## Assignment:
Print exactly what the entries say, line by line, from the first line down to the one with "#68=IFCINDEXEDPOLYGONALFACE((7,8,16,15));", inclusive.
****
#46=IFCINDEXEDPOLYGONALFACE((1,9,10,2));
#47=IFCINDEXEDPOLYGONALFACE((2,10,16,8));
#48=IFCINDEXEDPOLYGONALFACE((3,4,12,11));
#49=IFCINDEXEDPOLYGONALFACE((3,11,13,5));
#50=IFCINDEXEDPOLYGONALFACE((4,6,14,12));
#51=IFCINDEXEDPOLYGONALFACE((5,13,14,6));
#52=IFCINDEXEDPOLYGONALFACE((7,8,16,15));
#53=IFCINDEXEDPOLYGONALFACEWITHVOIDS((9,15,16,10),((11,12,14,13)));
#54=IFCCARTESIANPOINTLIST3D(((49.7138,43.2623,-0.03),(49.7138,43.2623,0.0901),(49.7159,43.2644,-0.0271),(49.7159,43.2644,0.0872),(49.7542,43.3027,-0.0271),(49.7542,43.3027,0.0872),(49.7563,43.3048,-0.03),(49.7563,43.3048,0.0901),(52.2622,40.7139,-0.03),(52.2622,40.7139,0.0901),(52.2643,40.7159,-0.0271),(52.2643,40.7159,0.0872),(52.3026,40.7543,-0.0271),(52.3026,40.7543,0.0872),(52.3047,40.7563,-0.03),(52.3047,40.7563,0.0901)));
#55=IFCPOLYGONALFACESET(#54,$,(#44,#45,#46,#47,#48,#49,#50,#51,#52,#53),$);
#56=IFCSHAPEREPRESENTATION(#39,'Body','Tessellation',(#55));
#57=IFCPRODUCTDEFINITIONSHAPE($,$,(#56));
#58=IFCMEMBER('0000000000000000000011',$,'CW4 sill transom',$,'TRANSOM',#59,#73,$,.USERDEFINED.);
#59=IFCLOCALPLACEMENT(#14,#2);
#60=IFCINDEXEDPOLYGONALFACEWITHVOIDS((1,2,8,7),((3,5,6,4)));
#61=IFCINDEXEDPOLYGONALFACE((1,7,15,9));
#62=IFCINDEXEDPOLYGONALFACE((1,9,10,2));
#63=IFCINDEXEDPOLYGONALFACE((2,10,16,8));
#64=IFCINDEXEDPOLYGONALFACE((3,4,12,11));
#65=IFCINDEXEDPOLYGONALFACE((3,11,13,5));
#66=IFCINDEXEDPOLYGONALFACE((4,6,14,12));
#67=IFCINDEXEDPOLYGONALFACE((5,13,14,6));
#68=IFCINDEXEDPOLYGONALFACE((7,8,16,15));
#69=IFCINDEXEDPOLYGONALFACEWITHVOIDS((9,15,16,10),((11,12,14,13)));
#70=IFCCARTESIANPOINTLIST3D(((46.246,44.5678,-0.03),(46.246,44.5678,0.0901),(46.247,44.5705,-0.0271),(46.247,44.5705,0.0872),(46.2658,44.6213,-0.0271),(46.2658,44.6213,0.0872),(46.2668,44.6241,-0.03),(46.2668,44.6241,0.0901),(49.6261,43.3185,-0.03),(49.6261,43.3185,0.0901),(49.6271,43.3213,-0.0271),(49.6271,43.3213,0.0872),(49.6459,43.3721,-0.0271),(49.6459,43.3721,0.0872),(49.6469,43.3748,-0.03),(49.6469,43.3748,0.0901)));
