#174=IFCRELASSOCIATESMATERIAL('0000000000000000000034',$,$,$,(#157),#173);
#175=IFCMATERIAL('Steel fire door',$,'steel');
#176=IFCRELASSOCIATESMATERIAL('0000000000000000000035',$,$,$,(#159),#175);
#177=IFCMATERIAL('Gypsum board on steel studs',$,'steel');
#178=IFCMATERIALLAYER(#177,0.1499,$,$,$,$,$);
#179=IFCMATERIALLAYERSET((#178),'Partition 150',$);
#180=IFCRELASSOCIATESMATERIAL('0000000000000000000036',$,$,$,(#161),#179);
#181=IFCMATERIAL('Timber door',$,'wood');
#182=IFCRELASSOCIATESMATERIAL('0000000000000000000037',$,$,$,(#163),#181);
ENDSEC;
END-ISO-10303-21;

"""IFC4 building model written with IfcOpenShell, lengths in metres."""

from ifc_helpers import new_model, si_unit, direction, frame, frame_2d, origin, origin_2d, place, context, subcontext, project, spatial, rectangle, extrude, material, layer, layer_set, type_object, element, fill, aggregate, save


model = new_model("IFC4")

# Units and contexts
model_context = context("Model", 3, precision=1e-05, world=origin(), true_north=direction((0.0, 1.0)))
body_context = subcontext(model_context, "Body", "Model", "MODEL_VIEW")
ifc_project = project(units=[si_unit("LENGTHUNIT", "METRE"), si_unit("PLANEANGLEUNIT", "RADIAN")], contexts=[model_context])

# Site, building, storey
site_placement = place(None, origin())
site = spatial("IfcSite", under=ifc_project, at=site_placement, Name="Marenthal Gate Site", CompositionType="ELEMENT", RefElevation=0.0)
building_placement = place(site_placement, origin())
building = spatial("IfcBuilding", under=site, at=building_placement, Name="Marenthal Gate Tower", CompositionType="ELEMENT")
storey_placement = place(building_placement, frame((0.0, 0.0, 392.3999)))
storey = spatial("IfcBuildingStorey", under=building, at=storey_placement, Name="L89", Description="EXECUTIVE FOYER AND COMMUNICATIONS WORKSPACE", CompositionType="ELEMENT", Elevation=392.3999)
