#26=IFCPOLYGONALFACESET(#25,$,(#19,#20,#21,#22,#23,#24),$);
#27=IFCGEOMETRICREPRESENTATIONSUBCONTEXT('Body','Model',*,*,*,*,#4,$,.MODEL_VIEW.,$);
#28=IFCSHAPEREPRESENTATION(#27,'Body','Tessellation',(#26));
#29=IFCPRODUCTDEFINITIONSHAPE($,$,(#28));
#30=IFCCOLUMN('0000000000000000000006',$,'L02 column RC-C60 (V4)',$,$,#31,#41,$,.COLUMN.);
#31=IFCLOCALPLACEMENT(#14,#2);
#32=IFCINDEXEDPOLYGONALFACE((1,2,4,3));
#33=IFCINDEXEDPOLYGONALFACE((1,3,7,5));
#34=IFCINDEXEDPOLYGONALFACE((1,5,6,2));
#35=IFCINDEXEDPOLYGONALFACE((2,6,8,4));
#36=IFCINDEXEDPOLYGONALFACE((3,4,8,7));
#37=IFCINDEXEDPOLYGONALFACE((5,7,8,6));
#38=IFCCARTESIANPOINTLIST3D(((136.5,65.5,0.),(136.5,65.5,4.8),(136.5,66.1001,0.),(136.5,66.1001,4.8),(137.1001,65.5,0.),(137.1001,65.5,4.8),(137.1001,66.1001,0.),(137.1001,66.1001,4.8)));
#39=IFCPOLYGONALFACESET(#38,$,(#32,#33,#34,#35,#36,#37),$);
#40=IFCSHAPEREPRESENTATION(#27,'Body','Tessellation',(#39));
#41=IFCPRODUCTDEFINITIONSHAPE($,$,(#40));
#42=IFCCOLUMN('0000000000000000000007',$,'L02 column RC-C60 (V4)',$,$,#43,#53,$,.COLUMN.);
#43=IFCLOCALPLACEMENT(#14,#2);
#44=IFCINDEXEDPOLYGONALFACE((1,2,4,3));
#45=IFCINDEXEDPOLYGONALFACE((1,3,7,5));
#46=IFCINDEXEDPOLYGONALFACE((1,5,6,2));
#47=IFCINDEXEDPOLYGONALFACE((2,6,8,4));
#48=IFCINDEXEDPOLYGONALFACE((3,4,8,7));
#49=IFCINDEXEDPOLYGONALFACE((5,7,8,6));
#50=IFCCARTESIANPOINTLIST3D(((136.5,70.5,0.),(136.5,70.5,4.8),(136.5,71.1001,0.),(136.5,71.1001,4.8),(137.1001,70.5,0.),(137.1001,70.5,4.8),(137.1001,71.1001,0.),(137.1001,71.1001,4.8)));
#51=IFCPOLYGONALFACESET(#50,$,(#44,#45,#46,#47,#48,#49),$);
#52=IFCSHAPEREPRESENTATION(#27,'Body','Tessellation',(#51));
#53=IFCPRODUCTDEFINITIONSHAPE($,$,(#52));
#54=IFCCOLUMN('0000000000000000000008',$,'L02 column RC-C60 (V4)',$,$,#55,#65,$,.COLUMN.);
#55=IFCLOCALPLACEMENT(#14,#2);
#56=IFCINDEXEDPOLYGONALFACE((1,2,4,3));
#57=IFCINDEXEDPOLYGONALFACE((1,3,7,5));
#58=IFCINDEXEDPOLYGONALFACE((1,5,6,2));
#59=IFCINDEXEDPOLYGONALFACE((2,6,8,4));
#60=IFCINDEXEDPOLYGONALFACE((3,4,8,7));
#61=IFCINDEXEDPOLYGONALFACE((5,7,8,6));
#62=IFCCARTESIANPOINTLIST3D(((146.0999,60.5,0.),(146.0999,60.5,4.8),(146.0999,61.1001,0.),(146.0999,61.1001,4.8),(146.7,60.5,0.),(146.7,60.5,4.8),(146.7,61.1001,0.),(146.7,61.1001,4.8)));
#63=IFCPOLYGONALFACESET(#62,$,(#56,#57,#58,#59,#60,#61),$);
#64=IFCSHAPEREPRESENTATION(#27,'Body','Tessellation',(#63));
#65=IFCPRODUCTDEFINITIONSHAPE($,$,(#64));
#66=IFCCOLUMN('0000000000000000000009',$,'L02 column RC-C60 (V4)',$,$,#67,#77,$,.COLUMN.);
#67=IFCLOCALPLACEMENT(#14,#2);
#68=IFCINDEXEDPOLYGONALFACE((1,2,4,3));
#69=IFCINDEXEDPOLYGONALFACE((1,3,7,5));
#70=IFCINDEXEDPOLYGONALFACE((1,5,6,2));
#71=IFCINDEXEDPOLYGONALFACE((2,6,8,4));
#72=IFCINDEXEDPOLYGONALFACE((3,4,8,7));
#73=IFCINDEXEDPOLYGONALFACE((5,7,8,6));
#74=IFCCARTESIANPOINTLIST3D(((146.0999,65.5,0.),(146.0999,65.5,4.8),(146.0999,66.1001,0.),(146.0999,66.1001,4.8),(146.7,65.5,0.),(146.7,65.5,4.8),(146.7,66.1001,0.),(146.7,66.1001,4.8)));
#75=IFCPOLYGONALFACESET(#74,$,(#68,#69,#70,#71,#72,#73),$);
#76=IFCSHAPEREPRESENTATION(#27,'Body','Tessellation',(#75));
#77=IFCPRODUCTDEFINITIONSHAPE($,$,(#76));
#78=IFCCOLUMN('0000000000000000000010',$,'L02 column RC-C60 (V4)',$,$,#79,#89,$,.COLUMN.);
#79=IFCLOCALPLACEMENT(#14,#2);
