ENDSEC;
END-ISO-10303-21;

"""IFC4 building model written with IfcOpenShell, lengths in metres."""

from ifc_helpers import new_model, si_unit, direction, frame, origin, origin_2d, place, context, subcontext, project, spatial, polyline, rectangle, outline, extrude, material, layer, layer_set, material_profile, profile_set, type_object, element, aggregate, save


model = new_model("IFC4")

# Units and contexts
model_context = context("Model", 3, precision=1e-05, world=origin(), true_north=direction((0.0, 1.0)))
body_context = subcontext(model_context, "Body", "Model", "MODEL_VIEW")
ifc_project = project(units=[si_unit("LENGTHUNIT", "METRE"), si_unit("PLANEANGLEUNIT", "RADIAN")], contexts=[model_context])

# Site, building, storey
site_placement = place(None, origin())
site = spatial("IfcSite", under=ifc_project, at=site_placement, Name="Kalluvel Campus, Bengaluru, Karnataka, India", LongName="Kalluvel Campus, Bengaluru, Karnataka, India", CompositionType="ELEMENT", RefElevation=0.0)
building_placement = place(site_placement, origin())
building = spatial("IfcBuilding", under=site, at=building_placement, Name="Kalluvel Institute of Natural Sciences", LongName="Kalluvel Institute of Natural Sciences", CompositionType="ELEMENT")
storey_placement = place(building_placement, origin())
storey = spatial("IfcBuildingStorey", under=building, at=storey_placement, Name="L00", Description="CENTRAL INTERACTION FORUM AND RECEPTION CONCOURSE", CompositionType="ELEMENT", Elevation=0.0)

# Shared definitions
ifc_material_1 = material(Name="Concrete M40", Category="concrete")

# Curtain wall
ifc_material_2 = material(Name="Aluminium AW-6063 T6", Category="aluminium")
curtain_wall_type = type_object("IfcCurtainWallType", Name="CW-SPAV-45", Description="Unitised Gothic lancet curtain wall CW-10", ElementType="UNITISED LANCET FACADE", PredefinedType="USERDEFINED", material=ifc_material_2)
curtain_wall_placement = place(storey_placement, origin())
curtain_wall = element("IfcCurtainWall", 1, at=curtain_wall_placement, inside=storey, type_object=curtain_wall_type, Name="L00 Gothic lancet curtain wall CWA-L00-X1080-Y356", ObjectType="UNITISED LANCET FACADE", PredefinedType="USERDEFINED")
****
## Result below:
#46=IFCINDEXEDPOLYGONALFACE((1,9,10,2));
#47=IFCINDEXEDPOLYGONALFACE((2,10,16,8));
#48=IFCINDEXEDPOLYGONALFACE((3,4,12,11));
#49=IFCINDEXEDPOLYGONALFACE((3,11,13,5));
#50=IFCINDEXEDPOLYGONALFACE((4,6,14,12));
#51=IFCINDEXEDPOLYGONALFACE((5,13,14,6));
#52=IFCINDEXEDPOLYGONALFACE((7,8,16,15));
#53=IFCINDEXEDPOLYGONALFACEWITHVOIDS((9,15,16,10),((11,12,14,13)));
#54=IFCCARTESIANPOINTLIST3D(((49.7138,43.2623,-0.03),(49.7138,43.2623,0.0901),(49.7159,43.2644,-0.0271),(49.7159,43.2644,0.0872),(49.7542,43.3027,-0.0271),(49.7542,43.3027,0.0872),(49.7563,43.3048,-0.03),(49.7563,43.3048,0.0901),(52.2622,40.7139,-0.03),(52.2622,40.7139,0.0901),(52.2643,40.7159,-0.0271),(52.2643,40.7159,0.0872),(52.3026,40.7543,-0.0271),(52.3026,40.7543,0.0872),(52.3047,40.7563,-0.03),(52.3047,40.7563,0.0901)));
#55=IFCPOLYGONALFACESET(#54,$,(#44,#45,#46,#47,#48,#49,#50,#51,#52,#53),$);
#56=IFCSHAPEREPRESENTATION(#39,'Body','Tessellation',(#55));
#57=IFCPRODUCTDEFINITIONSHAPE($,$,(#56));
#58=IFCMEMBER('0000000000000000000011',$,'CW4 sill transom',$,'TRANSOM',#59,#73,$,.USERDEFINED.);
#59=IFCLOCALPLACEMENT(#14,#2);
#60=IFCINDEXEDPOLYGONALFACEWITHVOIDS((1,2,8,7),((3,5,6,4)));
#61=IFCINDEXEDPOLYGONALFACE((1,7,15,9));
#62=IFCINDEXEDPOLYGONALFACE((1,9,10,2));
#63=IFCINDEXEDPOLYGONALFACE((2,10,16,8));
#64=IFCINDEXEDPOLYGONALFACE((3,4,12,11));
#65=IFCINDEXEDPOLYGONALFACE((3,11,13,5));
#66=IFCINDEXEDPOLYGONALFACE((4,6,14,12));
#67=IFCINDEXEDPOLYGONALFACE((5,13,14,6));
#68=IFCINDEXEDPOLYGONALFACE((7,8,16,15));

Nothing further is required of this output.